*** Opening Data supplied ***

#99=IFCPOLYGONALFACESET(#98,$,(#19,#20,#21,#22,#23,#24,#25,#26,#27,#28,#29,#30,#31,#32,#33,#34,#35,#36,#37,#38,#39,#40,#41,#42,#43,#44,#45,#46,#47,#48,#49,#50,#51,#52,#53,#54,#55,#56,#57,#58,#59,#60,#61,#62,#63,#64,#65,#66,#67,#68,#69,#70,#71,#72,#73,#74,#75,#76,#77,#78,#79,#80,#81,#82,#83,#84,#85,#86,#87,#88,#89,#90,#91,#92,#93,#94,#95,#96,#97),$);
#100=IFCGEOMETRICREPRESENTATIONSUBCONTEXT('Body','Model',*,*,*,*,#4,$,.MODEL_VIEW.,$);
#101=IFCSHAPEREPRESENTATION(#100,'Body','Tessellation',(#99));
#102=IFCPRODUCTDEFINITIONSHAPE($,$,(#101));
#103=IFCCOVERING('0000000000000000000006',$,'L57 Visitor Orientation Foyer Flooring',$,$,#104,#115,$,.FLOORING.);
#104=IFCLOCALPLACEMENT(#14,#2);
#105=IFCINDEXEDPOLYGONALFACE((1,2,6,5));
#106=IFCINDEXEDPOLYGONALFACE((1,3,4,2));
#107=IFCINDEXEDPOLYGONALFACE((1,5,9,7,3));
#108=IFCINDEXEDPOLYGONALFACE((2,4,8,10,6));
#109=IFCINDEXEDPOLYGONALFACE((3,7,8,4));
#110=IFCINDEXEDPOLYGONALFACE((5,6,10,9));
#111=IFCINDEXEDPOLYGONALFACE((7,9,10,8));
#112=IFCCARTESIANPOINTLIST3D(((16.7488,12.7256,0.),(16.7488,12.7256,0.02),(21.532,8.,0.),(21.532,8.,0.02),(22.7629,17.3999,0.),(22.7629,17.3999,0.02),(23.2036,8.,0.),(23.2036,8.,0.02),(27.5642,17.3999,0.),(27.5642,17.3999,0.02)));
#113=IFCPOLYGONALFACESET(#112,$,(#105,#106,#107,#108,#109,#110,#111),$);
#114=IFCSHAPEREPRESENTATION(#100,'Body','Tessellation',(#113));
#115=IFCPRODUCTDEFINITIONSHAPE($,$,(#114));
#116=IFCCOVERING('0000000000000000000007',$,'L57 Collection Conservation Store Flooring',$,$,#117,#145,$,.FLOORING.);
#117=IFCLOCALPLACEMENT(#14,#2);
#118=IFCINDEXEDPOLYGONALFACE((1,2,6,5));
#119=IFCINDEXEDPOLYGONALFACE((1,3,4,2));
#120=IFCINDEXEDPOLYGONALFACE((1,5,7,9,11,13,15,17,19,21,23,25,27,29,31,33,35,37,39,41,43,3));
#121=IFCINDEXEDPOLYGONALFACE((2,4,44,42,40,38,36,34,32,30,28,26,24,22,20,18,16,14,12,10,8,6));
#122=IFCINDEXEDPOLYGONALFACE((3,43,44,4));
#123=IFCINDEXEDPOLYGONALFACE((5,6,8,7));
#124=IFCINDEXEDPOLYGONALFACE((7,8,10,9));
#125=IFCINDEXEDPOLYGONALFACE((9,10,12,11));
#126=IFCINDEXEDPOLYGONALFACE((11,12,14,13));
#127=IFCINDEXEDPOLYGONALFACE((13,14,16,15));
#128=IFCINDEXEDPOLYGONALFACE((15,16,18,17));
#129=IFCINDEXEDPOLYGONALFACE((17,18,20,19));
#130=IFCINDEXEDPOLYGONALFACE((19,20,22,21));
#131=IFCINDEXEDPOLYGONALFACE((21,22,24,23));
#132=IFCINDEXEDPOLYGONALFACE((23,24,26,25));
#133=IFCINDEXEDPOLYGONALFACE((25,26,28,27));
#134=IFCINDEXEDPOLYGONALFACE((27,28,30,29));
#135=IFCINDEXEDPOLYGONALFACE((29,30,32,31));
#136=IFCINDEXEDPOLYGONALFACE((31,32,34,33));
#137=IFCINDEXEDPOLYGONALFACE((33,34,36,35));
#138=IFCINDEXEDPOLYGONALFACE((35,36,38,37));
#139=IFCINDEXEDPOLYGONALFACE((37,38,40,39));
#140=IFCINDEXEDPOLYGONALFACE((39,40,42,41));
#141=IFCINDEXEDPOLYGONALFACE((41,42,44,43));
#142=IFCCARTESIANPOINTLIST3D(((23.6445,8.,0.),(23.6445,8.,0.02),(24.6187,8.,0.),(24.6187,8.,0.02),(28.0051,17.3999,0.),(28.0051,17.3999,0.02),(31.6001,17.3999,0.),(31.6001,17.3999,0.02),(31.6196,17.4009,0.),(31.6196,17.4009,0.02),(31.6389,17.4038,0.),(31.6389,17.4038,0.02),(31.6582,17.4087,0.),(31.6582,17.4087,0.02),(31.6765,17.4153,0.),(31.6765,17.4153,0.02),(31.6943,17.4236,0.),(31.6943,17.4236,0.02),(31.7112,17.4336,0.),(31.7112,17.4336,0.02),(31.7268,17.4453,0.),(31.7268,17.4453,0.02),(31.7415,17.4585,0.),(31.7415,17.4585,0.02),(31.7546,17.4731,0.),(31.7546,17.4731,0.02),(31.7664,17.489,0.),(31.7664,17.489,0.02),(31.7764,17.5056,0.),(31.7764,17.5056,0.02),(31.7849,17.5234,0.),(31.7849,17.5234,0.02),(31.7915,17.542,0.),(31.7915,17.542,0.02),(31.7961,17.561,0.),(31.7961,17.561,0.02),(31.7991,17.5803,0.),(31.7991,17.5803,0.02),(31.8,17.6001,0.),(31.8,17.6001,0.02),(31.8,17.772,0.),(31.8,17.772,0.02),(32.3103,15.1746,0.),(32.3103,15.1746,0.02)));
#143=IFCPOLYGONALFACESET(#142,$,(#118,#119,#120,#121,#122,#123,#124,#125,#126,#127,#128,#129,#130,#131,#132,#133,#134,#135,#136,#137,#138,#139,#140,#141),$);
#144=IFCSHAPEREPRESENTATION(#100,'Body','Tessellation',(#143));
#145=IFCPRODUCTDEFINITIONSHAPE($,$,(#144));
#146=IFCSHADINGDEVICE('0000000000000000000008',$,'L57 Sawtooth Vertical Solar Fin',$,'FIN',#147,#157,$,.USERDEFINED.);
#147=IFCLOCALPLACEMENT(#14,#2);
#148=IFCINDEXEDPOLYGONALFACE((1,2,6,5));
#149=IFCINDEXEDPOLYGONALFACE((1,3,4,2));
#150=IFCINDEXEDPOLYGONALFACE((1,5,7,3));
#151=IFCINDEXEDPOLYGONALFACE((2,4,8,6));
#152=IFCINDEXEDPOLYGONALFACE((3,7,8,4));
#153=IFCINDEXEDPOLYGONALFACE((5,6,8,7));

*** Closing Data supplied ***

Work required - Repeat the listing in its entirety, keeping each line as it is.

Written answer -
#99=IFCPOLYGONALFACESET(#98,$,(#19,#20,#21,#22,#23,#24,#25,#26,#27,#28,#29,#30,#31,#32,#33,#34,#35,#36,#37,#38,#39,#40,#41,#42,#43,#44,#45,#46,#47,#48,#49,#50,#51,#52,#53,#54,#55,#56,#57,#58,#59,#60,#61,#62,#63,#64,#65,#66,#67,#68,#69,#70,#71,#72,#73,#74,#75,#76,#77,#78,#79,#80,#81,#82,#83,#84,#85,#86,#87,#88,#89,#90,#91,#92,#93,#94,#95,#96,#97),$);
#100=IFCGEOMETRICREPRESENTATIONSUBCONTEXT('Body','Model',*,*,*,*,#4,$,.MODEL_VIEW.,$);
#101=IFCSHAPEREPRESENTATION(#100,'Body','Tessellation',(#99));
#102=IFCPRODUCTDEFINITIONSHAPE($,$,(#101));
#103=IFCCOVERING('0000000000000000000006',$,'L57 Visitor Orientation Foyer Flooring',$,$,#104,#115,$,.FLOORING.);
#104=IFCLOCALPLACEMENT(#14,#2);
#105=IFCINDEXEDPOLYGONALFACE((1,2,6,5));
#106=IFCINDEXEDPOLYGONALFACE((1,3,4,2));
#107=IFCINDEXEDPOLYGONALFACE((1,5,9,7,3));
#108=IFCINDEXEDPOLYGONALFACE((2,4,8,10,6));
#109=IFCINDEXEDPOLYGONALFACE((3,7,8,4));
#110=IFCINDEXEDPOLYGONALFACE((5,6,10,9));
#111=IFCINDEXEDPOLYGONALFACE((7,9,10,8));
#112=IFCCARTESIANPOINTLIST3D(((16.7488,12.7256,0.),(16.7488,12.7256,0.02),(21.532,8.,0.),(21.532,8.,0.02),(22.7629,17.3999,0.),(22.7629,17.3999,0.02),(23.2036,8.,0.),(23.2036,8.,0.02),(27.5642,17.3999,0.),(27.5642,17.3999,0.02)));
#113=IFCPOLYGONALFACESET(#112,$,(#105,#106,#107,#108,#109,#110,#111),$);
#114=IFCSHAPEREPRESENTATION(#100,'Body','Tessellation',(#113));
#115=IFCPRODUCTDEFINITIONSHAPE($,$,(#114));
#116=IFCCOVERING('0000000000000000000007',$,'L57 Collection Conservation Store Flooring',$,$,#117,#145,$,.FLOORING.);
#117=IFCLOCALPLACEMENT(#14,#2);
#118=IFCINDEXEDPOLYGONALFACE((1,2,6,5));
#119=IFCINDEXEDPOLYGONALFACE((1,3,4,2));
#120=IFCINDEXEDPOLYGONALFACE((1,5,7,9,11,13,15,17,19,21,23,25,27,29,31,33,35,37,39,41,43,3));
#121=IFCINDEXEDPOLYGONALFACE((2,4,44,42,40,38,36,34,32,30,28,26,24,22,20,18,16,14,12,10,8,6));
#122=IFCINDEXEDPOLYGONALFACE((3,43,44,4));
#123=IFCINDEXEDPOLYGONALFACE((5,6,8,7));
#124=IFCINDEXEDPOLYGONALFACE((7,8,10,9));
#125=IFCINDEXEDPOLYGONALFACE((9,10,12,11));
#126=IFCINDEXEDPOLYGONALFACE((11,12,14,13));
#127=IFCINDEXEDPOLYGONALFACE((13,14,16,15));
#128=IFCINDEXEDPOLYGONALFACE((15,16,18,17));
#129=IFCINDEXEDPOLYGONALFACE((17,18,20,19));
#130=IFCINDEXEDPOLYGONALFACE((19,20,22,21));
#131=IFCINDEXEDPOLYGONALFACE((21,22,24,23));
#132=IFCINDEXEDPOLYGONALFACE((23,24,26,25));
#133=IFCINDEXEDPOLYGONALFACE((25,26,28,27));
#134=IFCINDEXEDPOLYGONALFACE((27,28,30,29));
#135=IFCINDEXEDPOLYGONALFACE((29,30,32,31));
#136=IFCINDEXEDPOLYGONALFACE((31,32,34,33));
#137=IFCINDEXEDPOLYGONALFACE((33,34,36,35));
#138=IFCINDEXEDPOLYGONALFACE((35,36,38,37));
#139=IFCINDEXEDPOLYGONALFACE((37,38,40,39));
#140=IFCINDEXEDPOLYGONALFACE((39,40,42,41));
#141=IFCINDEXEDPOLYGONALFACE((41,42,44,43));
#142=IFCCARTESIANPOINTLIST3D(((23.6445,8.,0.),(23.6445,8.,0.02),(24.6187,8.,0.),(24.6187,8.,0.02),(28.0051,17.3999,0.),(28.0051,17.3999,0.02),(31.6001,17.3999,0.),(31.6001,17.3999,0.02),(31.6196,17.4009,0.),(31.6196,17.4009,0.02),(31.6389,17.4038,0.),(31.6389,17.4038,0.02),(31.6582,17.4087,0.),(31.6582,17.4087,0.02),(31.6765,17.4153,0.),(31.6765,17.4153,0.02),(31.6943,17.4236,0.),(31.6943,17.4236,0.02),(31.7112,17.4336,0.),(31.7112,17.4336,0.02),(31.7268,17.4453,0.),(31.7268,17.4453,0.02),(31.7415,17.4585,0.),(31.7415,17.4585,0.02),(31.7546,17.4731,0.),(31.7546,17.4731,0.02),(31.7664,17.489,0.),(31.7664,17.489,0.02),(31.7764,17.5056,0.),(31.7764,17.5056,0.02),(31.7849,17.5234,0.),(31.7849,17.5234,0.02),(31.7915,17.542,0.),(31.7915,17.542,0.02),(31.7961,17.561,0.),(31.7961,17.561,0.02),(31.7991,17.5803,0.),(31.7991,17.5803,0.02),(31.8,17.6001,0.),(31.8,17.6001,0.02),(31.8,17.772,0.),(31.8,17.772,0.02),(32.3103,15.1746,0.),(32.3103,15.1746,0.02)));
#143=IFCPOLYGONALFACESET(#142,$,(#118,#119,#120,#121,#122,#123,#124,#125,#126,#127,#128,#129,#130,#131,#132,#133,#134,#135,#136,#137,#138,#139,#140,#141),$);
#144=IFCSHAPEREPRESENTATION(#100,'Body','Tessellation',(#143));
#145=IFCPRODUCTDEFINITIONSHAPE($,$,(#144));
#146=IFCSHADINGDEVICE('0000000000000000000008',$,'L57 Sawtooth Vertical Solar Fin',$,'FIN',#147,#157,$,.USERDEFINED.);
#147=IFCLOCALPLACEMENT(#14,#2);
#148=IFCINDEXEDPOLYGONALFACE((1,2,6,5));
#149=IFCINDEXEDPOLYGONALFACE((1,3,4,2));
#150=IFCINDEXEDPOLYGONALFACE((1,5,7,3));
#151=IFCINDEXEDPOLYGONALFACE((2,4,8,6));
#152=IFCINDEXEDPOLYGONALFACE((3,7,8,4));
#153=IFCINDEXEDPOLYGONALFACE((5,6,8,7));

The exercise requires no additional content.